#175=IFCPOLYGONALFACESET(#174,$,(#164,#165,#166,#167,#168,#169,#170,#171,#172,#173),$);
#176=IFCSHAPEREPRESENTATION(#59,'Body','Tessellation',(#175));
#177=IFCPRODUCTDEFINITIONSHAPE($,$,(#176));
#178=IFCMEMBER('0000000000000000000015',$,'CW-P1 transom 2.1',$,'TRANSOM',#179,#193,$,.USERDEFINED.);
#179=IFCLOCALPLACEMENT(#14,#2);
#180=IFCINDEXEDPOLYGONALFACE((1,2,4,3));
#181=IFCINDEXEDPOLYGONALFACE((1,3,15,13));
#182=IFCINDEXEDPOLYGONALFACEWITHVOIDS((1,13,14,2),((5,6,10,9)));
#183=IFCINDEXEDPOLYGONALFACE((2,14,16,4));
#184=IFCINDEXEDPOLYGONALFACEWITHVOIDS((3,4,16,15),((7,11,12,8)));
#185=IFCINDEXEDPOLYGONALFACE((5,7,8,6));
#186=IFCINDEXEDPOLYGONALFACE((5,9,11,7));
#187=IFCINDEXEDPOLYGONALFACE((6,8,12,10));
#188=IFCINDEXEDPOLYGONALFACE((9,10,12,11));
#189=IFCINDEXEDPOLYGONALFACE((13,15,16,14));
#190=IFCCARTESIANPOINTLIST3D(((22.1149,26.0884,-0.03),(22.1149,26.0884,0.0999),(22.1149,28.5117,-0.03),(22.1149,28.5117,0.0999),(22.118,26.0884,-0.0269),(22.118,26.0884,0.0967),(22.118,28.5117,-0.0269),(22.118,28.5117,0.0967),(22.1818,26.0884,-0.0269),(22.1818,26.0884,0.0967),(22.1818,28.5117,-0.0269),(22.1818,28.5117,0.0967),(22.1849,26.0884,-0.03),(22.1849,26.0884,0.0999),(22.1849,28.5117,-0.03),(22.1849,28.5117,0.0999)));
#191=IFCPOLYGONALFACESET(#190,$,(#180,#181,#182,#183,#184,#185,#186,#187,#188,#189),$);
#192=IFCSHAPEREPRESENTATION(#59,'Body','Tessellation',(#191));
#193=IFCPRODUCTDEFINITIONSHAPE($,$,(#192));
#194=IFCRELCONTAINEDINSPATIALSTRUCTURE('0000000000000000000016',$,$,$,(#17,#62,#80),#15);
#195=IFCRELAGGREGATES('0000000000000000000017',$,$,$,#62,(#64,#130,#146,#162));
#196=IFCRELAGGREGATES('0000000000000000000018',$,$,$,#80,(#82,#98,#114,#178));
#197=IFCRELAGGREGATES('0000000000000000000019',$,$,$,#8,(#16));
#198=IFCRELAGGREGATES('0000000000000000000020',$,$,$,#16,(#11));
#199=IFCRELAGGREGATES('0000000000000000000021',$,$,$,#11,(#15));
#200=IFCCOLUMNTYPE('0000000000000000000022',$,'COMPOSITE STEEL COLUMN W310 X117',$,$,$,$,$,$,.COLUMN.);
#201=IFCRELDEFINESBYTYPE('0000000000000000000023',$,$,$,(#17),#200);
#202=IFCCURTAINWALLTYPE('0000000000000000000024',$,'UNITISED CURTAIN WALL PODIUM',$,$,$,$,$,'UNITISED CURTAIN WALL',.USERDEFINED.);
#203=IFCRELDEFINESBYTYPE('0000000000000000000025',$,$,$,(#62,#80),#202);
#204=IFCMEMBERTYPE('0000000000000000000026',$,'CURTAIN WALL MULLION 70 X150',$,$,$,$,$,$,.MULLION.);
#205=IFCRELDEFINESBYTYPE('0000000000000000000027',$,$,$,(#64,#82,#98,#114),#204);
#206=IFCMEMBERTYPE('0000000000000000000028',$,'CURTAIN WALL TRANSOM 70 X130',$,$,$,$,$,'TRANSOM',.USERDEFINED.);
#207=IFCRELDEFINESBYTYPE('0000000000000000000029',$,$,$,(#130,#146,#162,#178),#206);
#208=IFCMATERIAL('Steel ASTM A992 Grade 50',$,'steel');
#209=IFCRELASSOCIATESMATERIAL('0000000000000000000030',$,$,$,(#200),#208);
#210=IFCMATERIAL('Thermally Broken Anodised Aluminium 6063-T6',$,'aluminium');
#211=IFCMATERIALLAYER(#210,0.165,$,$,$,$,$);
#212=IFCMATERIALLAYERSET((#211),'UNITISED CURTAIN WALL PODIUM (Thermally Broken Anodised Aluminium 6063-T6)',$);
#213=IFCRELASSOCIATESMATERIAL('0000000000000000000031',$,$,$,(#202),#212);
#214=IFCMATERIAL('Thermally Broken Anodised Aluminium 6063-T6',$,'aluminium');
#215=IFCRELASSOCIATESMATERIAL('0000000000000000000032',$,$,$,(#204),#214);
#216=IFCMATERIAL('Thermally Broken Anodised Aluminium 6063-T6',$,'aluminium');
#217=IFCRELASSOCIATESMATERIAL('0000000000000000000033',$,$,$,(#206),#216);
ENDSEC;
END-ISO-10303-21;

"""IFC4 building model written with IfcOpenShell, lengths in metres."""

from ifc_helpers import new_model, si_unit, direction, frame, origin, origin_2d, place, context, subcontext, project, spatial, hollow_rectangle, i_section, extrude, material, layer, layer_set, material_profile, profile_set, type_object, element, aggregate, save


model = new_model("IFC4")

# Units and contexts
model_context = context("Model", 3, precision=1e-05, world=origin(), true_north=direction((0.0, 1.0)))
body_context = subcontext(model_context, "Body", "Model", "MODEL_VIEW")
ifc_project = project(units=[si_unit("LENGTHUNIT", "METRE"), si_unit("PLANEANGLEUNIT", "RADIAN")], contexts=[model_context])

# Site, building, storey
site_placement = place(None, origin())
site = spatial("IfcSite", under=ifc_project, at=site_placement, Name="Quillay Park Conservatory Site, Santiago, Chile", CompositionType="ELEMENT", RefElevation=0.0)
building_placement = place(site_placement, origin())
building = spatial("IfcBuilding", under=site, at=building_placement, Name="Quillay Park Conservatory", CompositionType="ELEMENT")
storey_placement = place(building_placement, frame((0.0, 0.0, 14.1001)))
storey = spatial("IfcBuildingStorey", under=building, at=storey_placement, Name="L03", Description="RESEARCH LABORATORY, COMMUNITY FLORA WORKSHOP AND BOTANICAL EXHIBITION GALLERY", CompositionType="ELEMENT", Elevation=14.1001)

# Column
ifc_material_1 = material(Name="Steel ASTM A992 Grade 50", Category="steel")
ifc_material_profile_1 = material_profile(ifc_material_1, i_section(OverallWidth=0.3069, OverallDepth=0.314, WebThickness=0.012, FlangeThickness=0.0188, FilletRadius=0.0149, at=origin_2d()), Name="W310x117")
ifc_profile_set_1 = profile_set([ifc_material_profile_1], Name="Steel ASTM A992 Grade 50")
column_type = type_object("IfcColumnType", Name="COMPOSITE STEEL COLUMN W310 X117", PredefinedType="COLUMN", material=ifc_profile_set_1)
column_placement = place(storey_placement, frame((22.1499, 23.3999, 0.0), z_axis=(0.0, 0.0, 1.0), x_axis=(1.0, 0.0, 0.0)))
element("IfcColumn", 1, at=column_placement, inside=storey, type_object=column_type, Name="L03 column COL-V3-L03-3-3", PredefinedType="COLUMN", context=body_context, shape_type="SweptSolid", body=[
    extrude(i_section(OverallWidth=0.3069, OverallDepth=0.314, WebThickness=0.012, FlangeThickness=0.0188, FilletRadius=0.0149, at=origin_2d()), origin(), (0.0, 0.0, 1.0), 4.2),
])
------------------------------
▸ **Aim of the task**
Would you print each line of the listing again, unaltered?

▸ **Result for this exercise**
#175=IFCPOLYGONALFACESET(#174,$,(#164,#165,#166,#167,#168,#169,#170,#171,#172,#173),$);
#176=IFCSHAPEREPRESENTATION(#59,'Body','Tessellation',(#175));
#177=IFCPRODUCTDEFINITIONSHAPE($,$,(#176));
#178=IFCMEMBER('0000000000000000000015',$,'CW-P1 transom 2.1',$,'TRANSOM',#179,#193,$,.USERDEFINED.);
#179=IFCLOCALPLACEMENT(#14,#2);
#180=IFCINDEXEDPOLYGONALFACE((1,2,4,3));
#181=IFCINDEXEDPOLYGONALFACE((1,3,15,13));
#182=IFCINDEXEDPOLYGONALFACEWITHVOIDS((1,13,14,2),((5,6,10,9)));
#183=IFCINDEXEDPOLYGONALFACE((2,14,16,4));
#184=IFCINDEXEDPOLYGONALFACEWITHVOIDS((3,4,16,15),((7,11,12,8)));
#185=IFCINDEXEDPOLYGONALFACE((5,7,8,6));
#186=IFCINDEXEDPOLYGONALFACE((5,9,11,7));
#187=IFCINDEXEDPOLYGONALFACE((6,8,12,10));
#188=IFCINDEXEDPOLYGONALFACE((9,10,12,11));
#189=IFCINDEXEDPOLYGONALFACE((13,15,16,14));
#190=IFCCARTESIANPOINTLIST3D(((22.1149,26.0884,-0.03),(22.1149,26.0884,0.0999),(22.1149,28.5117,-0.03),(22.1149,28.5117,0.0999),(22.118,26.0884,-0.0269),(22.118,26.0884,0.0967),(22.118,28.5117,-0.0269),(22.118,28.5117,0.0967),(22.1818,26.0884,-0.0269),(22.1818,26.0884,0.0967),(22.1818,28.5117,-0.0269),(22.1818,28.5117,0.0967),(22.1849,26.0884,-0.03),(22.1849,26.0884,0.0999),(22.1849,28.5117,-0.03),(22.1849,28.5117,0.0999)));
#191=IFCPOLYGONALFACESET(#190,$,(#180,#181,#182,#183,#184,#185,#186,#187,#188,#189),$);
#192=IFCSHAPEREPRESENTATION(#59,'Body','Tessellation',(#191));
#193=IFCPRODUCTDEFINITIONSHAPE($,$,(#192));
#194=IFCRELCONTAINEDINSPATIALSTRUCTURE('0000000000000000000016',$,$,$,(#17,#62,#80),#15);
#195=IFCRELAGGREGATES('0000000000000000000017',$,$,$,#62,(#64,#130,#146,#162));
#196=IFCRELAGGREGATES('0000000000000000000018',$,$,$,#80,(#82,#98,#114,#178));
#197=IFCRELAGGREGATES('0000000000000000000019',$,$,$,#8,(#16));
#198=IFCRELAGGREGATES('0000000000000000000020',$,$,$,#16,(#11));
#199=IFCRELAGGREGATES('0000000000000000000021',$,$,$,#11,(#15));
#200=IFCCOLUMNTYPE('0000000000000000000022',$,'COMPOSITE STEEL COLUMN W310 X117',$,$,$,$,$,$,.COLUMN.);
#201=IFCRELDEFINESBYTYPE('0000000000000000000023',$,$,$,(#17),#200);
#202=IFCCURTAINWALLTYPE('0000000000000000000024',$,'UNITISED CURTAIN WALL PODIUM',$,$,$,$,$,'UNITISED CURTAIN WALL',.USERDEFINED.);
#203=IFCRELDEFINESBYTYPE('0000000000000000000025',$,$,$,(#62,#80),#202);
#204=IFCMEMBERTYPE('0000000000000000000026',$,'CURTAIN WALL MULLION 70 X150',$,$,$,$,$,$,.MULLION.);
#205=IFCRELDEFINESBYTYPE('0000000000000000000027',$,$,$,(#64,#82,#98,#114),#204);
#206=IFCMEMBERTYPE('0000000000000000000028',$,'CURTAIN WALL TRANSOM 70 X130',$,$,$,$,$,'TRANSOM',.USERDEFINED.);
#207=IFCRELDEFINESBYTYPE('0000000000000000000029',$,$,$,(#130,#146,#162,#178),#206);
#208=IFCMATERIAL('Steel ASTM A992 Grade 50',$,'steel');
#209=IFCRELASSOCIATESMATERIAL('0000000000000000000030',$,$,$,(#200),#208);
#210=IFCMATERIAL('Thermally Broken Anodised Aluminium 6063-T6',$,'aluminium');
#211=IFCMATERIALLAYER(#210,0.165,$,$,$,$,$);
#212=IFCMATERIALLAYERSET((#211),'UNITISED CURTAIN WALL PODIUM (Thermally Broken Anodised Aluminium 6063-T6)',$);
#213=IFCRELASSOCIATESMATERIAL('0000000000000000000031',$,$,$,(#202),#212);
#214=IFCMATERIAL('Thermally Broken Anodised Aluminium 6063-T6',$,'aluminium');
#215=IFCRELASSOCIATESMATERIAL('0000000000000000000032',$,$,$,(#204),#214);
#216=IFCMATERIAL('Thermally Broken Anodised Aluminium 6063-T6',$,'aluminium');
#217=IFCRELASSOCIATESMATERIAL('0000000000000000000033',$,$,$,(#206),#216);
ENDSEC;
END-ISO-10303-21;

"""IFC4 building model written with IfcOpenShell, lengths in metres."""

from ifc_helpers import new_model, si_unit, direction, frame, origin, origin_2d, place, context, subcontext, project, spatial, hollow_rectangle, i_section, extrude, material, layer, layer_set, material_profile, profile_set, type_object, element, aggregate, save


model = new_model("IFC4")

# Units and contexts
model_context = context("Model", 3, precision=1e-05, world=origin(), true_north=direction((0.0, 1.0)))
body_context = subcontext(model_context, "Body", "Model", "MODEL_VIEW")
ifc_project = project(units=[si_unit("LENGTHUNIT", "METRE"), si_unit("PLANEANGLEUNIT", "RADIAN")], contexts=[model_context])

# Site, building, storey
site_placement = place(None, origin())
site = spatial("IfcSite", under=ifc_project, at=site_placement, Name="Quillay Park Conservatory Site, Santiago, Chile", CompositionType="ELEMENT", RefElevation=0.0)
building_placement = place(site_placement, origin())
building = spatial("IfcBuilding", under=site, at=building_placement, Name="Quillay Park Conservatory", CompositionType="ELEMENT")
storey_placement = place(building_placement, frame((0.0, 0.0, 14.1001)))
storey = spatial("IfcBuildingStorey", under=building, at=storey_placement, Name="L03", Description="RESEARCH LABORATORY, COMMUNITY FLORA WORKSHOP AND BOTANICAL EXHIBITION GALLERY", CompositionType="ELEMENT", Elevation=14.1001)

# Column
ifc_material_1 = material(Name="Steel ASTM A992 Grade 50", Category="steel")
ifc_material_profile_1 = material_profile(ifc_material_1, i_section(OverallWidth=0.3069, OverallDepth=0.314, WebThickness=0.012, FlangeThickness=0.0188, FilletRadius=0.0149, at=origin_2d()), Name="W310x117")
ifc_profile_set_1 = profile_set([ifc_material_profile_1], Name="Steel ASTM A992 Grade 50")
column_type = type_object("IfcColumnType", Name="COMPOSITE STEEL COLUMN W310 X117", PredefinedType="COLUMN", material=ifc_profile_set_1)
column_placement = place(storey_placement, frame((22.1499, 23.3999, 0.0), z_axis=(0.0, 0.0, 1.0), x_axis=(1.0, 0.0, 0.0)))
element("IfcColumn", 1, at=column_placement, inside=storey, type_object=column_type, Name="L03 column COL-V3-L03-3-3", PredefinedType="COLUMN", context=body_context, shape_type="SweptSolid", body=[
    extrude(i_section(OverallWidth=0.3069, OverallDepth=0.314, WebThickness=0.012, FlangeThickness=0.0188, FilletRadius=0.0149, at=origin_2d()), origin(), (0.0, 0.0, 1.0), 4.2),
])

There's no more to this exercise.